[Stored items]
○ ○ ○ ○

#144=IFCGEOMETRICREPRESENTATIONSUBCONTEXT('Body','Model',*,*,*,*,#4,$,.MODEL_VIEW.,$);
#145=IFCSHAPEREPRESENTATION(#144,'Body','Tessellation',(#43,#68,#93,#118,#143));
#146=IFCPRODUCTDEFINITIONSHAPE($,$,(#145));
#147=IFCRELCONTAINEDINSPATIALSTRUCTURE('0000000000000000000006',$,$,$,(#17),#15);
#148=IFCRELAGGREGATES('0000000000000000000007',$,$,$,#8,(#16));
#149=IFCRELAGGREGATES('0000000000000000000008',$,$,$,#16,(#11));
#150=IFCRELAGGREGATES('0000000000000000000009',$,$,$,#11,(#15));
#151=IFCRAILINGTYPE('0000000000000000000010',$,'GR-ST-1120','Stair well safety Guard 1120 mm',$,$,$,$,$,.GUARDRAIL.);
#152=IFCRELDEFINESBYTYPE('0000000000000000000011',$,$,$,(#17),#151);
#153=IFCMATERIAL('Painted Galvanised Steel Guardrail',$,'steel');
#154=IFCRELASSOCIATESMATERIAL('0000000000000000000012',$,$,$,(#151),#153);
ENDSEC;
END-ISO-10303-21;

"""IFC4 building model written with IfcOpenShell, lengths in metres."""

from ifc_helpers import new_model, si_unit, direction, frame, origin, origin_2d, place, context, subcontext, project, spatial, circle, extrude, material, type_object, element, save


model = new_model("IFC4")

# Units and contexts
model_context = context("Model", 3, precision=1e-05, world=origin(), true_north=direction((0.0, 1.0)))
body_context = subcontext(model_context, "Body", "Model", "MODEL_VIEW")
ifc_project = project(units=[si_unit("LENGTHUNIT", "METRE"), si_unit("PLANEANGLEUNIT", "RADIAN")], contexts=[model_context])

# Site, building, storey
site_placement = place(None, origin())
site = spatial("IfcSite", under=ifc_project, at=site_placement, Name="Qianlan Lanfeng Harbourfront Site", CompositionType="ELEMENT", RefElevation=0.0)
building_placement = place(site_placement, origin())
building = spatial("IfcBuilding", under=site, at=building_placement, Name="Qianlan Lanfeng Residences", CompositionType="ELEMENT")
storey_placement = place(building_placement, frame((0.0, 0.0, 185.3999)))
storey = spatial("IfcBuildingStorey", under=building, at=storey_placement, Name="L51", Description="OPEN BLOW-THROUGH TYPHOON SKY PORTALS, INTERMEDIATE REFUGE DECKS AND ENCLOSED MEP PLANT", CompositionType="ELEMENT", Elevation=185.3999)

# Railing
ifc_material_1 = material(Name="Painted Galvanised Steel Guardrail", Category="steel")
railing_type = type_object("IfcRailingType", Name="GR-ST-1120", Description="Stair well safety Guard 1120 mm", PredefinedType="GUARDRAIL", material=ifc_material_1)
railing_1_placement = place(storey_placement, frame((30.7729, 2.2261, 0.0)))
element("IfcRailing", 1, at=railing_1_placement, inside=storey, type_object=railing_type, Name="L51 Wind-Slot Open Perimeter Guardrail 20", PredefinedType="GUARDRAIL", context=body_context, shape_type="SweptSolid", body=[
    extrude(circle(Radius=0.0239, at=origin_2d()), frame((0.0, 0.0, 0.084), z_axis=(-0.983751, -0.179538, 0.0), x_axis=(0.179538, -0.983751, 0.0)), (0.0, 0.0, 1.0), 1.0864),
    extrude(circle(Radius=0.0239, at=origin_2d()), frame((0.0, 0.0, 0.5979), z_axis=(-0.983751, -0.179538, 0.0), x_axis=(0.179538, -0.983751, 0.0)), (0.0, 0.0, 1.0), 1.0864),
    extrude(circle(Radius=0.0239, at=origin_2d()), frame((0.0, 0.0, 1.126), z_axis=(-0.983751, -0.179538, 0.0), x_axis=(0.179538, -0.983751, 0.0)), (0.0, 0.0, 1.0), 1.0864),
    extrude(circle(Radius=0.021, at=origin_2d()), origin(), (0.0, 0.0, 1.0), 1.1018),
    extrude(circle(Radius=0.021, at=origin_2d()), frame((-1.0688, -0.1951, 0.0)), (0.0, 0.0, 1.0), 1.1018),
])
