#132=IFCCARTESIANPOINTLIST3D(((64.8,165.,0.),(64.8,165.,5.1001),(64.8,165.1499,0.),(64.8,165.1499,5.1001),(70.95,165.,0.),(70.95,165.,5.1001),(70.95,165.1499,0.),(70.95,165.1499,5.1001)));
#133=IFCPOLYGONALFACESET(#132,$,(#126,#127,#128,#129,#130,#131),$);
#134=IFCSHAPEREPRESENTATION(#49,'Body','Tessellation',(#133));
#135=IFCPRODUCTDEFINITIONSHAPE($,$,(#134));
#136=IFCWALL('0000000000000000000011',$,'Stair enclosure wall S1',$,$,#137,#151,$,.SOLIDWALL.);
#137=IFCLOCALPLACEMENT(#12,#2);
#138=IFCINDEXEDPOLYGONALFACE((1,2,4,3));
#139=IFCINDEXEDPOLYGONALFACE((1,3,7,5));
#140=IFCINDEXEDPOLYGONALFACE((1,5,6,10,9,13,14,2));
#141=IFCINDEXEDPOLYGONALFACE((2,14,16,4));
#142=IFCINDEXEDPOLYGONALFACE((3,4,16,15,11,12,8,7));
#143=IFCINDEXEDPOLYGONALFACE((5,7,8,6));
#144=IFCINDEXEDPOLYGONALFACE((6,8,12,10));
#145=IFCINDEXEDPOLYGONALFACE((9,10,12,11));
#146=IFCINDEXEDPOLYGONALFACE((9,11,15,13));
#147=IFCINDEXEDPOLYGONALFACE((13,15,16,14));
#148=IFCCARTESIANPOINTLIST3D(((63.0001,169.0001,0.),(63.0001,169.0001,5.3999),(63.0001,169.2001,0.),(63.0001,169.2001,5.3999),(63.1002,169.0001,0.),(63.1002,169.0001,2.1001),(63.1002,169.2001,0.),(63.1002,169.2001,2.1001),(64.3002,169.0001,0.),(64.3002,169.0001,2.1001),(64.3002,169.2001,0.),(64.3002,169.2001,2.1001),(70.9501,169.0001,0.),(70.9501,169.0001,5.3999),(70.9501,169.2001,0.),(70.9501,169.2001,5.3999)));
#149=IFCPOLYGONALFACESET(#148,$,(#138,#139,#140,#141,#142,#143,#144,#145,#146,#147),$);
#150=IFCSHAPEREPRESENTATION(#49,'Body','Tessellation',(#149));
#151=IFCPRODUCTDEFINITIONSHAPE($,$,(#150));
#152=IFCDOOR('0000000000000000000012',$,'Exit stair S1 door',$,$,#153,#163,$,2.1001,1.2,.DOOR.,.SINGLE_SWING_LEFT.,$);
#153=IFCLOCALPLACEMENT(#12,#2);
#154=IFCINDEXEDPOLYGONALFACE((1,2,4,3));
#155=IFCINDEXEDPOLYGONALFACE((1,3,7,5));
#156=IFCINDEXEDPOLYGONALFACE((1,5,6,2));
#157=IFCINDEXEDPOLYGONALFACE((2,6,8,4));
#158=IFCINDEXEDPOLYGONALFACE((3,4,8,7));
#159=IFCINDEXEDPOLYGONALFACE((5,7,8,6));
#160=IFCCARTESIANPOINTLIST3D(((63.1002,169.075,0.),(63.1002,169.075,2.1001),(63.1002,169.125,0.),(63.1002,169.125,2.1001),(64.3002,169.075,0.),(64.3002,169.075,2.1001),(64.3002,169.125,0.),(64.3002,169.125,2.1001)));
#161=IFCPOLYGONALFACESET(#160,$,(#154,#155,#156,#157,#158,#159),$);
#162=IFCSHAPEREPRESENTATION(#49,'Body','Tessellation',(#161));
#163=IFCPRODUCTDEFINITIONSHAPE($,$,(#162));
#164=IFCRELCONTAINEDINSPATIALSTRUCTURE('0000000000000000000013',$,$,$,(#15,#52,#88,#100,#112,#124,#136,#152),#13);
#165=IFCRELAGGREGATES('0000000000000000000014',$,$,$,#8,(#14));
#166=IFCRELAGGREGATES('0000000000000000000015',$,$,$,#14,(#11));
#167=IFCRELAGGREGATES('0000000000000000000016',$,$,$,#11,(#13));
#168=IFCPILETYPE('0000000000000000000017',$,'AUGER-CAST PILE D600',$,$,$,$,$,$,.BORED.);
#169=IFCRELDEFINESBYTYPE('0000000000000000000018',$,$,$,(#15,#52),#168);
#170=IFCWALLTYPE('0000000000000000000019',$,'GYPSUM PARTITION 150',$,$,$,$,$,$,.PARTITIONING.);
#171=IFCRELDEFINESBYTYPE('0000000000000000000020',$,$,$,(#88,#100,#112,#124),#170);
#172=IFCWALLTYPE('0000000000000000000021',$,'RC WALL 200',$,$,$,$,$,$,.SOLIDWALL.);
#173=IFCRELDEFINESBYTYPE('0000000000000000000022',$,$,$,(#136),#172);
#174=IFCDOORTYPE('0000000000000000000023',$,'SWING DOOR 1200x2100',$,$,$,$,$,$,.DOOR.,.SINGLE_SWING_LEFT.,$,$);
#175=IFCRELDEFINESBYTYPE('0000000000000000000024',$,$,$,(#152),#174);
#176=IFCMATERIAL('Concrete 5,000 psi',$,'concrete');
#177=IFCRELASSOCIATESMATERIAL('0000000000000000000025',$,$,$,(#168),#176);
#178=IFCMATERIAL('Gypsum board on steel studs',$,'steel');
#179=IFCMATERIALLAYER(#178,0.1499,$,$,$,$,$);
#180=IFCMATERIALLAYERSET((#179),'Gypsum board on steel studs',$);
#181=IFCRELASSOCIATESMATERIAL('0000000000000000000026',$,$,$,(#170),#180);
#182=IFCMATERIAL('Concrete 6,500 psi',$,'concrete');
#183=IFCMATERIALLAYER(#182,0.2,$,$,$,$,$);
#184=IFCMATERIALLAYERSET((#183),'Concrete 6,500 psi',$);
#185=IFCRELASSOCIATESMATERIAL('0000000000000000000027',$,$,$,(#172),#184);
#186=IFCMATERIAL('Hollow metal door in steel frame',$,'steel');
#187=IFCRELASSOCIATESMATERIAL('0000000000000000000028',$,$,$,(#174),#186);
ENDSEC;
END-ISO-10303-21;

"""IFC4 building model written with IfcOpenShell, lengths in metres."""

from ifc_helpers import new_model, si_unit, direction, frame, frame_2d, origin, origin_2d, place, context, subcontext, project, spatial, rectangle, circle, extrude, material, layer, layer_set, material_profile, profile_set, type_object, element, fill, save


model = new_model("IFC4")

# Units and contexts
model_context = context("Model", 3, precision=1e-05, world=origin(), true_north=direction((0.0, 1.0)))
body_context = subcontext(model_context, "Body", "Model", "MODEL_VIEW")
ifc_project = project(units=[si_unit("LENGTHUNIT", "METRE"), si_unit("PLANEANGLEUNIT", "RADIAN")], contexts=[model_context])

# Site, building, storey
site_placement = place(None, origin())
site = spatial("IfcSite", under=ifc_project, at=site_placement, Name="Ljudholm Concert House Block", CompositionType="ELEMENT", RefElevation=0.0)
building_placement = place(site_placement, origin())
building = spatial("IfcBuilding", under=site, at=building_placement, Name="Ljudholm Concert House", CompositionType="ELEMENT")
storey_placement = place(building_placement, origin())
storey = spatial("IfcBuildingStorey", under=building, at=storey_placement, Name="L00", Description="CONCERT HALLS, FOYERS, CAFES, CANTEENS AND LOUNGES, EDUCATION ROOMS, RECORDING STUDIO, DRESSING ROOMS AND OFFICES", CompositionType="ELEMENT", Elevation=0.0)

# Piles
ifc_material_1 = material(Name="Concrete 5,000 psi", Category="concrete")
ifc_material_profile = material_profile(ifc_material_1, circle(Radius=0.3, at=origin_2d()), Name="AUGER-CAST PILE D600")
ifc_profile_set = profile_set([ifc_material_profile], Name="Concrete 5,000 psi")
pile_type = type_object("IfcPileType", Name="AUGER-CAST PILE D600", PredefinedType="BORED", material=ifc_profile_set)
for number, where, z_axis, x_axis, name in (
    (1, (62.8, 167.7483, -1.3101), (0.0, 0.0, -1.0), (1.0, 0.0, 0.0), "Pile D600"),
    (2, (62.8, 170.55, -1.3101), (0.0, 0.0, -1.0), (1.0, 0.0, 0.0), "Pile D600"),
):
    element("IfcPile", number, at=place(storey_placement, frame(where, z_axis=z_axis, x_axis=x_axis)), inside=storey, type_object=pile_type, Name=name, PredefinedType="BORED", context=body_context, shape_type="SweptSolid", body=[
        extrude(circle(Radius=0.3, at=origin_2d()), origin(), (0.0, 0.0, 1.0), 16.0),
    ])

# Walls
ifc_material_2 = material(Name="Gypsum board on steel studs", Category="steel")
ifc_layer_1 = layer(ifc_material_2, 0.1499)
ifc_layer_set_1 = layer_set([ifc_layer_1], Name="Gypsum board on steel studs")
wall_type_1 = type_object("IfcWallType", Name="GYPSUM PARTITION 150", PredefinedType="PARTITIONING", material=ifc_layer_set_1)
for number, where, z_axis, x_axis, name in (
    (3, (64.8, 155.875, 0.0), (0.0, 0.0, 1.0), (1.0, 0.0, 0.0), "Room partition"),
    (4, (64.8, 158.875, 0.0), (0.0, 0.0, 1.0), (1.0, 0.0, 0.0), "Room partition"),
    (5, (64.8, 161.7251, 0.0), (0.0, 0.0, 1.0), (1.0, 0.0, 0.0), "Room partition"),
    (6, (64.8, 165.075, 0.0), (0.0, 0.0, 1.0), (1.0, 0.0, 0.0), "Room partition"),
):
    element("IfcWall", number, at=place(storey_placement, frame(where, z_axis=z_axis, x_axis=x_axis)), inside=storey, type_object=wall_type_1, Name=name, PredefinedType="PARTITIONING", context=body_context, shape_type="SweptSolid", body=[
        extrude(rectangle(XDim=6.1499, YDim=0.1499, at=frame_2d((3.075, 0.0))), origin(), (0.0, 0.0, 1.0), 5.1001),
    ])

○ ○ ○ ○

= Task item =
In the records above, find each line with the string "SOLIDWALL" and list it.

= Response box =
#136=IFCWALL('0000000000000000000011',$,'Stair enclosure wall S1',$,$,#137,#151,$,.SOLIDWALL.);
#172=IFCWALLTYPE('0000000000000000000021',$,'RC WALL 200',$,$,$,$,$,$,.SOLIDWALL.);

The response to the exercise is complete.